What is being asked: This exercise asks for a copy of each line in the records below with the word "transom" in it.

*** Opening of Data for this exercise ***

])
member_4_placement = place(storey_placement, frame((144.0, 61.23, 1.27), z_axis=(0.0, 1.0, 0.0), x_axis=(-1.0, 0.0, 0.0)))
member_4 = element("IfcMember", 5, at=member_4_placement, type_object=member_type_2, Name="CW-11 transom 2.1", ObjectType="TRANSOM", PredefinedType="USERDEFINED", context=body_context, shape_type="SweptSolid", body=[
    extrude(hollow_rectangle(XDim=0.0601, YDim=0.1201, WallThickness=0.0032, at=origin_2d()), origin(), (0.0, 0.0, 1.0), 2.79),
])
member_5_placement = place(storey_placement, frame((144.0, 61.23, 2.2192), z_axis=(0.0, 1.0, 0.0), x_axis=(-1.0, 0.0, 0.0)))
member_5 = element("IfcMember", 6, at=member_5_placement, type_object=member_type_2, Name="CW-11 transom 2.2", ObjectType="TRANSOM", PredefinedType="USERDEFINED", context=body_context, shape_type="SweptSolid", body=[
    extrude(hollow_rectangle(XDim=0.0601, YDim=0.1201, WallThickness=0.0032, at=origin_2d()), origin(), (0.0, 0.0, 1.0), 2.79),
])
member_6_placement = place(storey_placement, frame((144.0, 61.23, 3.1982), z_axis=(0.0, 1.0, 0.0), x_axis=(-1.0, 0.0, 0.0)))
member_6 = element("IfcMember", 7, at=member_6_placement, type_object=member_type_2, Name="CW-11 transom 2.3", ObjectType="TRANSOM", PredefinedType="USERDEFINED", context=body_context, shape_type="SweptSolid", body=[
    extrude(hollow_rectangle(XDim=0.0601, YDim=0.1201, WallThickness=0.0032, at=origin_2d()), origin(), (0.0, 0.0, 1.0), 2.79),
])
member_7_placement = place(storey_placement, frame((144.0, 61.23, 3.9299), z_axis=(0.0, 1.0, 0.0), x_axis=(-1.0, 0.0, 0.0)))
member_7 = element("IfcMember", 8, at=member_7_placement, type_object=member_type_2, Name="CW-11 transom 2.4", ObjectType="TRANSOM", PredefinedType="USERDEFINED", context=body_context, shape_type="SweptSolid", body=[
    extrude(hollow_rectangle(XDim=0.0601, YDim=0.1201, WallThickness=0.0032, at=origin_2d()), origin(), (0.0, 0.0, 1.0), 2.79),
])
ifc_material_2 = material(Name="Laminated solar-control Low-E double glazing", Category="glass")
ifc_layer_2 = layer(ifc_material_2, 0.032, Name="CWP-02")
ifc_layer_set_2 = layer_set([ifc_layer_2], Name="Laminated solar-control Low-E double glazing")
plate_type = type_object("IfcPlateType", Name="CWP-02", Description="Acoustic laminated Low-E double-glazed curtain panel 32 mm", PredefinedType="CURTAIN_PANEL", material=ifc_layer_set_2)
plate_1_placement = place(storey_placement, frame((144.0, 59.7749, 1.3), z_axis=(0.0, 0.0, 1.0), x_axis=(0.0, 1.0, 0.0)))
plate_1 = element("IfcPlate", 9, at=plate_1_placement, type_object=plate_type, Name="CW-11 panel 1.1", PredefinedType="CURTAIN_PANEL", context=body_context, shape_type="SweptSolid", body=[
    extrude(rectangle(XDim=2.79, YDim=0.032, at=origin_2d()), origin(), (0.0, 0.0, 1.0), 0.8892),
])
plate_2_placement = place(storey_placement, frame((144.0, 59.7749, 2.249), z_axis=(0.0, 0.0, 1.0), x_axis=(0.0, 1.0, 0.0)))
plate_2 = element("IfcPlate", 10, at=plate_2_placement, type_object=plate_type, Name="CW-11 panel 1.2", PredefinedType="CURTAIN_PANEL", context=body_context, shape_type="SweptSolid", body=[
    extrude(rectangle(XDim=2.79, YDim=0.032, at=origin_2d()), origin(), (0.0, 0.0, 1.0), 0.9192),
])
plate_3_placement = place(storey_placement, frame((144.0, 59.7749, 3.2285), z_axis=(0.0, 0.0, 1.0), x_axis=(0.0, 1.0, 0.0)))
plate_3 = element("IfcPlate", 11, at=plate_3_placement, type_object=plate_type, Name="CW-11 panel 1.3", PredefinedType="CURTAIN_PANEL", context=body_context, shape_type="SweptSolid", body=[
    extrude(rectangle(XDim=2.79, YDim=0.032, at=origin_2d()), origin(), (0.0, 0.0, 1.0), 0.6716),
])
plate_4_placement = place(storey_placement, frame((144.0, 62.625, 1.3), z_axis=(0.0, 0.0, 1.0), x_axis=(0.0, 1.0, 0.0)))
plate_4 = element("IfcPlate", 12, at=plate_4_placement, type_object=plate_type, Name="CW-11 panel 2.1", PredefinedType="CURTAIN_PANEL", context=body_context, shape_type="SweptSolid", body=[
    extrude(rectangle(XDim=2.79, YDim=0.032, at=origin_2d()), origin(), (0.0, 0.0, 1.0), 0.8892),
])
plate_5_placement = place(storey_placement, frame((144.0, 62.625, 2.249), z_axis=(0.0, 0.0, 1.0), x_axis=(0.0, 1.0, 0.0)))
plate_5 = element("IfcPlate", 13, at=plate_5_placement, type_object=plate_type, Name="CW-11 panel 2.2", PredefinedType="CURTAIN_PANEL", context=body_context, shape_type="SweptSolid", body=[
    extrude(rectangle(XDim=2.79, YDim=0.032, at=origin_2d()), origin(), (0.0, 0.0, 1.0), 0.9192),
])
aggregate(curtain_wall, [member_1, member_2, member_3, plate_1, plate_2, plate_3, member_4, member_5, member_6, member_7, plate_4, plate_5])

*** Close of Data for this exercise ***

Problem solution:
member_4 = element("IfcMember", 5, at=member_4_placement, type_object=member_type_2, Name="CW-11 transom 2.1", ObjectType="TRANSOM", PredefinedType="USERDEFINED", context=body_context, shape_type="SweptSolid", body=[
member_5 = element("IfcMember", 6, at=member_5_placement, type_object=member_type_2, Name="CW-11 transom 2.2", ObjectType="TRANSOM", PredefinedType="USERDEFINED", context=body_context, shape_type="SweptSolid", body=[
member_6 = element("IfcMember", 7, at=member_6_placement, type_object=member_type_2, Name="CW-11 transom 2.3", ObjectType="TRANSOM", PredefinedType="USERDEFINED", context=body_context, shape_type="SweptSolid", body=[
member_7 = element("IfcMember", 8, at=member_7_placement, type_object=member_type_2, Name="CW-11 transom 2.4", ObjectType="TRANSOM", PredefinedType="USERDEFINED", context=body_context, shape_type="SweptSolid", body=[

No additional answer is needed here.